» **Data extract**:
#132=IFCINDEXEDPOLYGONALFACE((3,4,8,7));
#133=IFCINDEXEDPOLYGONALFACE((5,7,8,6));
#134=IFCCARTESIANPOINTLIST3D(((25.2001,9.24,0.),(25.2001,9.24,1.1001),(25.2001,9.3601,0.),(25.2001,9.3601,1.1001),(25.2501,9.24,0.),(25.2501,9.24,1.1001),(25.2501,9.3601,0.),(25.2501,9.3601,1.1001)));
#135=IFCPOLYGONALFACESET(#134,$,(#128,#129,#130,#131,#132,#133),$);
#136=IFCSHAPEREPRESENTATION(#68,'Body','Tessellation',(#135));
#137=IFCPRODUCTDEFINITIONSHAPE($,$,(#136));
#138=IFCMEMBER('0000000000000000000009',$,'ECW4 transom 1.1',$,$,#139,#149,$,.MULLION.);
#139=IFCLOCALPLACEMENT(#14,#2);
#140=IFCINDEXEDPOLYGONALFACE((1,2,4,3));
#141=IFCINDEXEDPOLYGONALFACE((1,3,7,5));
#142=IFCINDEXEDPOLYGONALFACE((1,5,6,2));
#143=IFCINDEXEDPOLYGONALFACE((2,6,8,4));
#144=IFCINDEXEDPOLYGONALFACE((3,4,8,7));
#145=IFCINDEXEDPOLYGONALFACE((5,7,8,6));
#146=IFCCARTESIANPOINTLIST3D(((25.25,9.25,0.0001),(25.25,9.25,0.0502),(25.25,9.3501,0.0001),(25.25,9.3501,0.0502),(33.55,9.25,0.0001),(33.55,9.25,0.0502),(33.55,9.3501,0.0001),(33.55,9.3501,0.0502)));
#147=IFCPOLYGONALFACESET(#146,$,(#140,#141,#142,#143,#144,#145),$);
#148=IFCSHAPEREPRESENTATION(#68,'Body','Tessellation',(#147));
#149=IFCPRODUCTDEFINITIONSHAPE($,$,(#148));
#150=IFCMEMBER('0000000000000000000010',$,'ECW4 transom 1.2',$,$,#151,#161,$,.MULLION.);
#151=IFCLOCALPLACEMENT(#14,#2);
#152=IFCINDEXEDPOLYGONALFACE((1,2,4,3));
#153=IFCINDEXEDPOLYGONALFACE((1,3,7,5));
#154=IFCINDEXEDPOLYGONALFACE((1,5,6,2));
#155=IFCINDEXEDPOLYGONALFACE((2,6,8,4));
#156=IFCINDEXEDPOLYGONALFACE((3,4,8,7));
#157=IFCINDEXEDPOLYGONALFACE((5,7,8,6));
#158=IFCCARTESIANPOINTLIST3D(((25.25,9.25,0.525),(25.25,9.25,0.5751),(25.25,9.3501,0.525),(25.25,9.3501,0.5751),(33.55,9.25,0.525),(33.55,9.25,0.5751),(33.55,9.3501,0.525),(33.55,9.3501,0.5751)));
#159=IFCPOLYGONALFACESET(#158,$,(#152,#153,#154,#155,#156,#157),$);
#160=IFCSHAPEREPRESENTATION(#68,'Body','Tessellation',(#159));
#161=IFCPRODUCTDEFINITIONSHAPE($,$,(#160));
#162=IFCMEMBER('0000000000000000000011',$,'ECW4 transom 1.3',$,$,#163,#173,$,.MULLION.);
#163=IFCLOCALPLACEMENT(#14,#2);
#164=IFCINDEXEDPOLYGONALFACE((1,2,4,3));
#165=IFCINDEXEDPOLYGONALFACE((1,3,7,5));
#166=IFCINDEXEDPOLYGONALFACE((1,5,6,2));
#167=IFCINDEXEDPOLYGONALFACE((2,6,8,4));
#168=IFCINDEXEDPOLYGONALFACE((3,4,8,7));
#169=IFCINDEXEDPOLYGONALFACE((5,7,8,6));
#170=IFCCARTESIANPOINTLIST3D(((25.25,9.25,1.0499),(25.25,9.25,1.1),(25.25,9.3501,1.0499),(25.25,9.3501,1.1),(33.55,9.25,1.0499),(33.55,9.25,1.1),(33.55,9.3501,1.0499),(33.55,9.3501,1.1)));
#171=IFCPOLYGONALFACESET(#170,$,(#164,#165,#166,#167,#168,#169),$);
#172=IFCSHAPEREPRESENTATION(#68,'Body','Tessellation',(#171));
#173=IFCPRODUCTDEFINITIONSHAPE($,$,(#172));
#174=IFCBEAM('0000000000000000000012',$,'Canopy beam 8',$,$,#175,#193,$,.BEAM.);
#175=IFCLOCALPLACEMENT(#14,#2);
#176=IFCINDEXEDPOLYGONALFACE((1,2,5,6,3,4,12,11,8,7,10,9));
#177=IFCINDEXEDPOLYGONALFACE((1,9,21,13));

--

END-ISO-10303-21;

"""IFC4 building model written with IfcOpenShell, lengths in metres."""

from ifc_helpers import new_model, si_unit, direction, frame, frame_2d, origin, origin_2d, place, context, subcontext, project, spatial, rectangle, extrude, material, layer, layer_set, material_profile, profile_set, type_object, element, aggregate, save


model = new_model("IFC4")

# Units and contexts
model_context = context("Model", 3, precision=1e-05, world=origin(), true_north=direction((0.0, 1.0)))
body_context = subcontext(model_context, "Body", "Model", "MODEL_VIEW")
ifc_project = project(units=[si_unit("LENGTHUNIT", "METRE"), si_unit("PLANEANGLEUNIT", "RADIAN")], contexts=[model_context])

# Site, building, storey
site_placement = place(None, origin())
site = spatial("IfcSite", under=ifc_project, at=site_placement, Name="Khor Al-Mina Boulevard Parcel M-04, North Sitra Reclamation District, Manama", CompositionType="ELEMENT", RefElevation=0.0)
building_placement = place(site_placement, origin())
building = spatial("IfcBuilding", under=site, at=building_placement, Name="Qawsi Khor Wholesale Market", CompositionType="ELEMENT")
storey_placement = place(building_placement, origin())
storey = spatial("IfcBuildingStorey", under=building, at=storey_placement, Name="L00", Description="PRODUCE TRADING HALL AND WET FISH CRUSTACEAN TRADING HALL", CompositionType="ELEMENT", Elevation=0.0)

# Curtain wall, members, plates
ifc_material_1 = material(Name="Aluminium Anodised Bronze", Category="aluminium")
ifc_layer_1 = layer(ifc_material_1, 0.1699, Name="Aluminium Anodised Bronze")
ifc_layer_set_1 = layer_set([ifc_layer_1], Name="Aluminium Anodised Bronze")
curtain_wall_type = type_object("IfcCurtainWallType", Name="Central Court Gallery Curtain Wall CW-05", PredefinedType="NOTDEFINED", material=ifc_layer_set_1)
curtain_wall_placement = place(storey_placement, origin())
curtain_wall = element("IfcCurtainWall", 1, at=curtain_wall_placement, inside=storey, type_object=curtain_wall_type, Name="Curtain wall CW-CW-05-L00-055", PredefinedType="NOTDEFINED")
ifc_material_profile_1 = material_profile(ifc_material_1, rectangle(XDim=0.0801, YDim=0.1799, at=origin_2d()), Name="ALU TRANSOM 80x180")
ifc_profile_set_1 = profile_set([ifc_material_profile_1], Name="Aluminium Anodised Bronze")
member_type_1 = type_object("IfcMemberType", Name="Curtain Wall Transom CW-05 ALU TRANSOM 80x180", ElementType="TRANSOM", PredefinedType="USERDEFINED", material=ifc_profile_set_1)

» **Problem statement**: Gather every line from the listing above in which the word "Body" appears.

» **Solution for this exercise**:
#136=IFCSHAPEREPRESENTATION(#68,'Body','Tessellation',(#135));
#148=IFCSHAPEREPRESENTATION(#68,'Body','Tessellation',(#147));
#160=IFCSHAPEREPRESENTATION(#68,'Body','Tessellation',(#159));
#172=IFCSHAPEREPRESENTATION(#68,'Body','Tessellation',(#171));
body_context = subcontext(model_context, "Body", "Model", "MODEL_VIEW")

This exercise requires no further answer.